- **Required action**
Return the lines of the data below exactly. Start at the first and end with the line containing "#14=IFCLOCALPLACEMENT(#10,#13);".

[Saved entries]
--- START ---

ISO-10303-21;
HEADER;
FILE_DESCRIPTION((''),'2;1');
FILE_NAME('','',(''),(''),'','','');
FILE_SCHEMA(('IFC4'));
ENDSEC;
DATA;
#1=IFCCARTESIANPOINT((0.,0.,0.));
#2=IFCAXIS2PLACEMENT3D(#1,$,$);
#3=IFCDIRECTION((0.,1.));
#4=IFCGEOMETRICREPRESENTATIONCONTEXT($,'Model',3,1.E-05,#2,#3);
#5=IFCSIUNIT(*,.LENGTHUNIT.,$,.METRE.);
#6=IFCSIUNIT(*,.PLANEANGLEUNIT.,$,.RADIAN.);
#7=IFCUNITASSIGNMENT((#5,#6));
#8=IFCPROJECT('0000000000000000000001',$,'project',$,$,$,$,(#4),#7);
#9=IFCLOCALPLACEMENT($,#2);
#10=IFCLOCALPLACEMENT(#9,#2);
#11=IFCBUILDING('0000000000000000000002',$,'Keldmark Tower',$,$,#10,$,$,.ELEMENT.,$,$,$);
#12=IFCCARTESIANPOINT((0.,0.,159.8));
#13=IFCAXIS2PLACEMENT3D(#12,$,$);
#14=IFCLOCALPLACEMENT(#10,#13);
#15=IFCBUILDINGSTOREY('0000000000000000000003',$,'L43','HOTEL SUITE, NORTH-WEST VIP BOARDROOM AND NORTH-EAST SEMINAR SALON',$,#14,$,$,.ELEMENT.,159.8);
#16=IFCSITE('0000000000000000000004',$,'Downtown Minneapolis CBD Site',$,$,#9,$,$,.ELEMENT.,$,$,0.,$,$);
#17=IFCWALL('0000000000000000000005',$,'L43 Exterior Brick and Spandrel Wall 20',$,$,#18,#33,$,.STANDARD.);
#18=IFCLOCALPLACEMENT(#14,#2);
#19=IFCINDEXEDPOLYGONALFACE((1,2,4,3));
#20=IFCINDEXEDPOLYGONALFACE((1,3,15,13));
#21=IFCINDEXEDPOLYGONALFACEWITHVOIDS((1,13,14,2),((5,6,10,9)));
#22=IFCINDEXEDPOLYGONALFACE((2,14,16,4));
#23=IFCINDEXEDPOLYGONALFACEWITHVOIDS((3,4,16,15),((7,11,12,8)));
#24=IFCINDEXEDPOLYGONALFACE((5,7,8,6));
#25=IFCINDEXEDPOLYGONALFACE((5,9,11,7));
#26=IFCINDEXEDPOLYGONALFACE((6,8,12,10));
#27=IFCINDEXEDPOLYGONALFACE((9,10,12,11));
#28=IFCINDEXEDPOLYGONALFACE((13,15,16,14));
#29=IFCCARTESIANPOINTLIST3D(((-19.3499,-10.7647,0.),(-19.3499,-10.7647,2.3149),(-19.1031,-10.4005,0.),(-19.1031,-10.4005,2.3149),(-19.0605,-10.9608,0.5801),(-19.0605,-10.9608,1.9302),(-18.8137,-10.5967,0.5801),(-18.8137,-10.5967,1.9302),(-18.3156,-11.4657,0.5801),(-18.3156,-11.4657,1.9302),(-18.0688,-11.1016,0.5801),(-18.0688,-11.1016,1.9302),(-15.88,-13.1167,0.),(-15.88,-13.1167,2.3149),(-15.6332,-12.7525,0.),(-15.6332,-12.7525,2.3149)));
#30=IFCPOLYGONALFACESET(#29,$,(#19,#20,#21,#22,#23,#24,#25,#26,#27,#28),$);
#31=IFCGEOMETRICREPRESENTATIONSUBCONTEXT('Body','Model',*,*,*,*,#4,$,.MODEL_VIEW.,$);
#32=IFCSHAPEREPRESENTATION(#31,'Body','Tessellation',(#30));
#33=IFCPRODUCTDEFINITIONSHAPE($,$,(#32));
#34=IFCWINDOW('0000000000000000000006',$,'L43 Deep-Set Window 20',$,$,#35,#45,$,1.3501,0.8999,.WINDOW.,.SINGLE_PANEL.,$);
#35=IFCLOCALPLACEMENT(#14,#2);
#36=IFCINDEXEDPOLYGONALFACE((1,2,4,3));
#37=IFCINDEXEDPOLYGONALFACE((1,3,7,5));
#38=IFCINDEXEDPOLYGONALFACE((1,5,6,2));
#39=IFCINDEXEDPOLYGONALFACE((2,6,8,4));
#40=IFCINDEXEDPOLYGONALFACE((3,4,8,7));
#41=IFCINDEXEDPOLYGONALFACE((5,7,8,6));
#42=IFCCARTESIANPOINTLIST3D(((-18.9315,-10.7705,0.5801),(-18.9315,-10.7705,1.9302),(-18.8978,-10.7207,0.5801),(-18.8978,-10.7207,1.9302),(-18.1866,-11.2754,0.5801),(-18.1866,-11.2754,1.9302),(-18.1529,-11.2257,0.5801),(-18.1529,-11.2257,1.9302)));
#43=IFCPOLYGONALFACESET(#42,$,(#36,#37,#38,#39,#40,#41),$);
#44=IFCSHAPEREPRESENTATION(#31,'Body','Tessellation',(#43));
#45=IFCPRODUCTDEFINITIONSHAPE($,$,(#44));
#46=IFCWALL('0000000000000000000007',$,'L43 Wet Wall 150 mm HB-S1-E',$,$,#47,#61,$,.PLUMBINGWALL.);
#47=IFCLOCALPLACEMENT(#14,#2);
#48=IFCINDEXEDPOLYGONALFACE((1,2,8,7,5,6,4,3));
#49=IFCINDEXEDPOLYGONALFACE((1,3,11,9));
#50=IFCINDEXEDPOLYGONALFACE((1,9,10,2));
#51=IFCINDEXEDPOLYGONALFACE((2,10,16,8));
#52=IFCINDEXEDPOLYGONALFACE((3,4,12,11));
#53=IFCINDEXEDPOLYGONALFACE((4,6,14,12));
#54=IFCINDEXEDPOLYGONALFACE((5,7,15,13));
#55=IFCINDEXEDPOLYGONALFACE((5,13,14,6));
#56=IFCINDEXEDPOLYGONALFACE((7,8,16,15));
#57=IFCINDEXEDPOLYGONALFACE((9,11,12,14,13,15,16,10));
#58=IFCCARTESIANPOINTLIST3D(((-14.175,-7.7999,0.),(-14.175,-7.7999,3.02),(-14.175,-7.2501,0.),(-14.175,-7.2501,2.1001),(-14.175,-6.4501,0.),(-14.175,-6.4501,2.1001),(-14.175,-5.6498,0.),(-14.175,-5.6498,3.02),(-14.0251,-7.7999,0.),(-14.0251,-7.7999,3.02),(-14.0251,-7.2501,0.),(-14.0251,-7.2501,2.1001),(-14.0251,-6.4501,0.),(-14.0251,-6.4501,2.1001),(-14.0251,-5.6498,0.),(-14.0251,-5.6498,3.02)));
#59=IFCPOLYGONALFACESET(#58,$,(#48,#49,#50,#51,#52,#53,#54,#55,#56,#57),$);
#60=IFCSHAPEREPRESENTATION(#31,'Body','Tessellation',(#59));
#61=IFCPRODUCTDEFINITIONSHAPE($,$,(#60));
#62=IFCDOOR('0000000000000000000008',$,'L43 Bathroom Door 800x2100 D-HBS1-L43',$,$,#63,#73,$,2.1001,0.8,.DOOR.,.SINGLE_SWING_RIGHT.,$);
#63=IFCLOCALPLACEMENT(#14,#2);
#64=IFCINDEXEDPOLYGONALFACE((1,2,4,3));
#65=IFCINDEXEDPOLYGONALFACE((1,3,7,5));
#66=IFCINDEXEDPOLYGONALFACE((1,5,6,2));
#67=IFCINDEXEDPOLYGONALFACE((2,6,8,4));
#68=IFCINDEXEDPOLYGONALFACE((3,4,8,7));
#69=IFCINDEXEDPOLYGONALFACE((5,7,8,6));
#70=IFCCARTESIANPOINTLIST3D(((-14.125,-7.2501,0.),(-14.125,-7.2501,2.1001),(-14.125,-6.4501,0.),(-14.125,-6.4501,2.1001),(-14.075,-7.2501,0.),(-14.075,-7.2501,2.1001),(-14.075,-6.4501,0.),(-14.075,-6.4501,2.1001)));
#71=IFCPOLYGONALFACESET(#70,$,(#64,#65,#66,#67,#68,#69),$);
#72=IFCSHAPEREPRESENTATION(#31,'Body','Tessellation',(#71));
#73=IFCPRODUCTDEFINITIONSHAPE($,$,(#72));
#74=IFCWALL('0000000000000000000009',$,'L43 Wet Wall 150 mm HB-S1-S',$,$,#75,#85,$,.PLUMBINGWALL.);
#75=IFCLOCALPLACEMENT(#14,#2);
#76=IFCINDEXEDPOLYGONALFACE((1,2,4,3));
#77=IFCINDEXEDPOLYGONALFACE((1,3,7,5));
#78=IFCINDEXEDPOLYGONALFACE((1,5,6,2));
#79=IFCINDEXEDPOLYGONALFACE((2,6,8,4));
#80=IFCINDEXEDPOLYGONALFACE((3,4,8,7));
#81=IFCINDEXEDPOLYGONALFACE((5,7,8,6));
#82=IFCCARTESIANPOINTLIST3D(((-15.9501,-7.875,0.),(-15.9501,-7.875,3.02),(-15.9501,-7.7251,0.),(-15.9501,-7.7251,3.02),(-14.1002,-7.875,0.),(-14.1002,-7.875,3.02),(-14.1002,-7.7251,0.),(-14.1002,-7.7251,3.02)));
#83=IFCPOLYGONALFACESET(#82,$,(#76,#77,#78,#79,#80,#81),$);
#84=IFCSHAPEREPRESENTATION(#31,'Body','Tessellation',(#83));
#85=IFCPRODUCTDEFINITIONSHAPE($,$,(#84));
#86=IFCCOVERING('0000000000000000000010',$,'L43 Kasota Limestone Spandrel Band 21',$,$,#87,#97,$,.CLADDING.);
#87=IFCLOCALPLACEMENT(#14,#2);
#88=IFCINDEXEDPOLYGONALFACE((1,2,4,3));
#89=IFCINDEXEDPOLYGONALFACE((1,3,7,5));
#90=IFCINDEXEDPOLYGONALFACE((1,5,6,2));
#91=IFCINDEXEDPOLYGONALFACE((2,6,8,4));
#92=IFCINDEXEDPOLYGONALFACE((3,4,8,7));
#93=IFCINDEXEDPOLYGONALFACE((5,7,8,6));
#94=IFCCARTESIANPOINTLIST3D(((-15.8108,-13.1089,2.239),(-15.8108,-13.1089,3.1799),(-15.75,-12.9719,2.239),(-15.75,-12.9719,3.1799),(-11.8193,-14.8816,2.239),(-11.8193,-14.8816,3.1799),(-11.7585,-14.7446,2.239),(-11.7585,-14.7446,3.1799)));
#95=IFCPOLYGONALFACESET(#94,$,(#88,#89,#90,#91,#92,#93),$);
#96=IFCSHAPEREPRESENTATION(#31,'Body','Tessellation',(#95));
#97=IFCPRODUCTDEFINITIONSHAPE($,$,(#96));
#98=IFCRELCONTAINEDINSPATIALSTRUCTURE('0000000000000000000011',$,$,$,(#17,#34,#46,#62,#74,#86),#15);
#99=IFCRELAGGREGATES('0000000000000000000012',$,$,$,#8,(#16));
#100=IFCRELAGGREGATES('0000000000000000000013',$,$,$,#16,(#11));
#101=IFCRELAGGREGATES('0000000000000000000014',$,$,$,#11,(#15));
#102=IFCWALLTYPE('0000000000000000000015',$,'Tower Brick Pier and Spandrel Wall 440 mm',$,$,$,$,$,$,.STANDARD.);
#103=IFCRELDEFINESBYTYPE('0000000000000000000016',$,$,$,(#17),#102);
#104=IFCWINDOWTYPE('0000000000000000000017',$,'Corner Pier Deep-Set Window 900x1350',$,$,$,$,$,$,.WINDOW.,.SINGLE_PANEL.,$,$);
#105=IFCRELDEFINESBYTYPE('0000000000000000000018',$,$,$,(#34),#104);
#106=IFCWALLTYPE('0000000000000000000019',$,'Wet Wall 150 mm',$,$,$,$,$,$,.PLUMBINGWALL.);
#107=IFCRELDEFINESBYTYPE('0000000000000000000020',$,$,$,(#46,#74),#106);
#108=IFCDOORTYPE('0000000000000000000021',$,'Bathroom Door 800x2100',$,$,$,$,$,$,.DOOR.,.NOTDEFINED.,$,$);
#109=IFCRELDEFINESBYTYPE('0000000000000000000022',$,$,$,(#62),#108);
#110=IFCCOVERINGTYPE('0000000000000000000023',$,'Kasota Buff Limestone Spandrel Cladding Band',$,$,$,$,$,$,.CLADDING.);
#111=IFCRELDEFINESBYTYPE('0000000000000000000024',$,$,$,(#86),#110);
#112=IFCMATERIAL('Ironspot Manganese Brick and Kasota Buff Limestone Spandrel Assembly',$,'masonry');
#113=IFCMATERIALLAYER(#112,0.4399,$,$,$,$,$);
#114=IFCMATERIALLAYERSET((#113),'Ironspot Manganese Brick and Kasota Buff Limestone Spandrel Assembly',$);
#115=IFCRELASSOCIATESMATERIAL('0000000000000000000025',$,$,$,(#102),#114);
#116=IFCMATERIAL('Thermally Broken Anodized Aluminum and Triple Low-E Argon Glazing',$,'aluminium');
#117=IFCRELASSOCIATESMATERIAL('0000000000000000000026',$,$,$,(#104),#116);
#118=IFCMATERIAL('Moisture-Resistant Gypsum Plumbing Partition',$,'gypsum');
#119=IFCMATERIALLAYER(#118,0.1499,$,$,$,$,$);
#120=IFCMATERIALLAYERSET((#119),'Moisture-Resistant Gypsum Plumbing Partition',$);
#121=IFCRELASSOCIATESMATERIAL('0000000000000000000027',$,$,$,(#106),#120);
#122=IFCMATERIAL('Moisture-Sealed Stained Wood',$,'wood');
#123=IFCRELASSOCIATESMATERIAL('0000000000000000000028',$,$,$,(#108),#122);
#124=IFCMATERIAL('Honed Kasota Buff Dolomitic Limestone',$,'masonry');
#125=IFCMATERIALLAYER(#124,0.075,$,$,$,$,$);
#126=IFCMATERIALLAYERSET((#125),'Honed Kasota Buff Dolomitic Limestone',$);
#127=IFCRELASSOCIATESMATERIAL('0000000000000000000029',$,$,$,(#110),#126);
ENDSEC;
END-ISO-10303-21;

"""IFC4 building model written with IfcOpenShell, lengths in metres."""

from ifc_helpers import new_model, si_unit, direction, frame, frame_2d, origin, origin_2d, place, context, subcontext, project, spatial, rectangle, extrude, material, layer, layer_set, type_object, element, fill, save


model = new_model("IFC4")

# Units and contexts
model_context = context("Model", 3, precision=1e-05, world=origin(), true_north=direction((0.0, 1.0)))
body_context = subcontext(model_context, "Body", "Model", "MODEL_VIEW")
ifc_project = project(units=[si_unit("LENGTHUNIT", "METRE"), si_unit("PLANEANGLEUNIT", "RADIAN")], contexts=[model_context])

# Site, building, storey
site_placement = place(None, origin())
site = spatial("IfcSite", under=ifc_project, at=site_placement, Name="Downtown Minneapolis CBD Site", CompositionType="ELEMENT", RefElevation=0.0)
building_placement = place(site_placement, origin())
building = spatial("IfcBuilding", under=site, at=building_placement, Name="Keldmark Tower", CompositionType="ELEMENT")
storey_placement = place(building_placement, frame((0.0, 0.0, 159.8)))
storey = spatial("IfcBuildingStorey", under=building, at=storey_placement, Name="L43", Description="HOTEL SUITE, NORTH-WEST VIP BOARDROOM AND NORTH-EAST SEMINAR SALON", CompositionType="ELEMENT", Elevation=159.8)

# Wall, opening, window
ifc_material_1 = material(Name="Ironspot Manganese Brick and Kasota Buff Limestone Spandrel Assembly", Category="masonry")
ifc_layer_1 = layer(ifc_material_1, 0.4399)
ifc_layer_set_1 = layer_set([ifc_layer_1], Name="Ironspot Manganese Brick and Kasota Buff Limestone Spandrel Assembly")
wall_type_1 = type_object("IfcWallType", Name="Tower Brick Pier and Spandrel Wall 440 mm", PredefinedType="STANDARD", material=ifc_layer_set_1)
wall_1_placement = place(storey_placement, frame((-15.7566, -12.9346, 0.0), z_axis=(0.0, 0.0, 1.0), x_axis=(-0.827761, 0.561081, 0.0)))
wall_1 = element("IfcWall", 1, at=wall_1_placement, inside=storey, type_object=wall_type_1, Name="L43 Exterior Brick and Spandrel Wall 20", PredefinedType="STANDARD", context=body_context, shape_type="SweptSolid", body=[
    extrude(rectangle(XDim=4.1919, YDim=0.4399, at=frame_2d((2.0959, 0.0))), origin(), (0.0, 0.0, 1.0), 2.3149),
])
opening_1_placement = place(wall_1_placement, frame((2.9424, 0.0, 0.5801)))
opening_1 = element("IfcOpeningElement", 2, at=opening_1_placement, cuts=wall_1, PredefinedType="OPENING", context=body_context, shape_type="SweptSolid", body=[
    extrude(rectangle(XDim=0.8999, YDim=1.3501, at=frame_2d((0.45, 0.675))), frame((0.0, 0.23, 0.0), z_axis=(0.0, -1.0, 0.0), x_axis=(1.0, 0.0, 0.0)), (0.0, 0.0, 1.0), 0.46),
])
ifc_material_2 = material(Name="Thermally Broken Anodized Aluminum and Triple Low-E Argon Glazing", Category="aluminium")
window_type = type_object("IfcWindowType", Name="Corner Pier Deep-Set Window 900x1350", PartitioningType="SINGLE_PANEL", PredefinedType="WINDOW", material=ifc_material_2)
window_placement = place(opening_1_placement, origin())
window = element("IfcWindow", 3, at=window_placement, inside=storey, type_object=window_type, Name="L43 Deep-Set Window 20", OverallHeight=1.3501, OverallWidth=0.8999, PartitioningType="SINGLE_PANEL", PredefinedType="WINDOW", context=body_context, shape_type="SweptSolid", body=[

--- END ---

- **Task solution**
ISO-10303-21;
HEADER;
FILE_DESCRIPTION((''),'2;1');
FILE_NAME('','',(''),(''),'','','');
FILE_SCHEMA(('IFC4'));
ENDSEC;
DATA;
#1=IFCCARTESIANPOINT((0.,0.,0.));
#2=IFCAXIS2PLACEMENT3D(#1,$,$);
#3=IFCDIRECTION((0.,1.));
#4=IFCGEOMETRICREPRESENTATIONCONTEXT($,'Model',3,1.E-05,#2,#3);
#5=IFCSIUNIT(*,.LENGTHUNIT.,$,.METRE.);
#6=IFCSIUNIT(*,.PLANEANGLEUNIT.,$,.RADIAN.);
#7=IFCUNITASSIGNMENT((#5,#6));
#8=IFCPROJECT('0000000000000000000001',$,'project',$,$,$,$,(#4),#7);
#9=IFCLOCALPLACEMENT($,#2);
#10=IFCLOCALPLACEMENT(#9,#2);
#11=IFCBUILDING('0000000000000000000002',$,'Keldmark Tower',$,$,#10,$,$,.ELEMENT.,$,$,$);
#12=IFCCARTESIANPOINT((0.,0.,159.8));
#13=IFCAXIS2PLACEMENT3D(#12,$,$);
#14=IFCLOCALPLACEMENT(#10,#13);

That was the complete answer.